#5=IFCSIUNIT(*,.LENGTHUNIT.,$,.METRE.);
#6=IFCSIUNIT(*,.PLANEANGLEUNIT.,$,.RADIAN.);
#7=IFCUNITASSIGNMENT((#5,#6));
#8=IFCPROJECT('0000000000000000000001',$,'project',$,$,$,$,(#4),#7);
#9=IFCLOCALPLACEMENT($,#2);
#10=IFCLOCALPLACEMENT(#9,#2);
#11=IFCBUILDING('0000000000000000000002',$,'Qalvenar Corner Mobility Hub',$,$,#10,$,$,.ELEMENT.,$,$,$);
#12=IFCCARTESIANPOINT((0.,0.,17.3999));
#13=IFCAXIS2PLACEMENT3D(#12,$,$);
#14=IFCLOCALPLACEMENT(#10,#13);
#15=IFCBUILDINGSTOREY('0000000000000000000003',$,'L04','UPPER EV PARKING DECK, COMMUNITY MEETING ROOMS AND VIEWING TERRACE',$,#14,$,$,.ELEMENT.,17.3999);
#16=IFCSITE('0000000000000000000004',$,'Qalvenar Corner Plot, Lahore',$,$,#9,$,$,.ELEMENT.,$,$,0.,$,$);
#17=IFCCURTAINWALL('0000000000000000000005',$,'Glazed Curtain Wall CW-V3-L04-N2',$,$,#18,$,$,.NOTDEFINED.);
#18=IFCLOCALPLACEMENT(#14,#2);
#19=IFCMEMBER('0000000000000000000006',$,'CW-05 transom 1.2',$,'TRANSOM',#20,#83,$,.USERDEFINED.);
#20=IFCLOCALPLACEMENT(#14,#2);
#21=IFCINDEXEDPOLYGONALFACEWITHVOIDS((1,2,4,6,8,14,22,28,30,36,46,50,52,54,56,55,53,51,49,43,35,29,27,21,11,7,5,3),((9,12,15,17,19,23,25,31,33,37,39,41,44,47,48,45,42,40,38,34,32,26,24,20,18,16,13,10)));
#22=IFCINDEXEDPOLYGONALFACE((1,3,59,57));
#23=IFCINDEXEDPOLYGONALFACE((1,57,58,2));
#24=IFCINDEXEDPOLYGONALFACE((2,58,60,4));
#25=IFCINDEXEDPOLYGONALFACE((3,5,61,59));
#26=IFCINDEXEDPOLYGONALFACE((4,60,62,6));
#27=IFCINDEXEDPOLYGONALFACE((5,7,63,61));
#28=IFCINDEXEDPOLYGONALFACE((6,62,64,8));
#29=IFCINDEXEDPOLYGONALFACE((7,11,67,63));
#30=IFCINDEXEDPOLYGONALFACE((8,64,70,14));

__PROBLEM STATEMENT__.
The data above needs to be given again exactly, with no line left out.

__EXERCISE OUTPUT__.
#5=IFCSIUNIT(*,.LENGTHUNIT.,$,.METRE.);
#6=IFCSIUNIT(*,.PLANEANGLEUNIT.,$,.RADIAN.);
#7=IFCUNITASSIGNMENT((#5,#6));
#8=IFCPROJECT('0000000000000000000001',$,'project',$,$,$,$,(#4),#7);
#9=IFCLOCALPLACEMENT($,#2);
#10=IFCLOCALPLACEMENT(#9,#2);
#11=IFCBUILDING('0000000000000000000002',$,'Qalvenar Corner Mobility Hub',$,$,#10,$,$,.ELEMENT.,$,$,$);
#12=IFCCARTESIANPOINT((0.,0.,17.3999));
#13=IFCAXIS2PLACEMENT3D(#12,$,$);
#14=IFCLOCALPLACEMENT(#10,#13);
#15=IFCBUILDINGSTOREY('0000000000000000000003',$,'L04','UPPER EV PARKING DECK, COMMUNITY MEETING ROOMS AND VIEWING TERRACE',$,#14,$,$,.ELEMENT.,17.3999);
#16=IFCSITE('0000000000000000000004',$,'Qalvenar Corner Plot, Lahore',$,$,#9,$,$,.ELEMENT.,$,$,0.,$,$);
#17=IFCCURTAINWALL('0000000000000000000005',$,'Glazed Curtain Wall CW-V3-L04-N2',$,$,#18,$,$,.NOTDEFINED.);
#18=IFCLOCALPLACEMENT(#14,#2);
#19=IFCMEMBER('0000000000000000000006',$,'CW-05 transom 1.2',$,'TRANSOM',#20,#83,$,.USERDEFINED.);
#20=IFCLOCALPLACEMENT(#14,#2);
#21=IFCINDEXEDPOLYGONALFACEWITHVOIDS((1,2,4,6,8,14,22,28,30,36,46,50,52,54,56,55,53,51,49,43,35,29,27,21,11,7,5,3),((9,12,15,17,19,23,25,31,33,37,39,41,44,47,48,45,42,40,38,34,32,26,24,20,18,16,13,10)));
#22=IFCINDEXEDPOLYGONALFACE((1,3,59,57));
#23=IFCINDEXEDPOLYGONALFACE((1,57,58,2));
#24=IFCINDEXEDPOLYGONALFACE((2,58,60,4));
#25=IFCINDEXEDPOLYGONALFACE((3,5,61,59));
#26=IFCINDEXEDPOLYGONALFACE((4,60,62,6));
#27=IFCINDEXEDPOLYGONALFACE((5,7,63,61));
#28=IFCINDEXEDPOLYGONALFACE((6,62,64,8));
#29=IFCINDEXEDPOLYGONALFACE((7,11,67,63));
#30=IFCINDEXEDPOLYGONALFACE((8,64,70,14));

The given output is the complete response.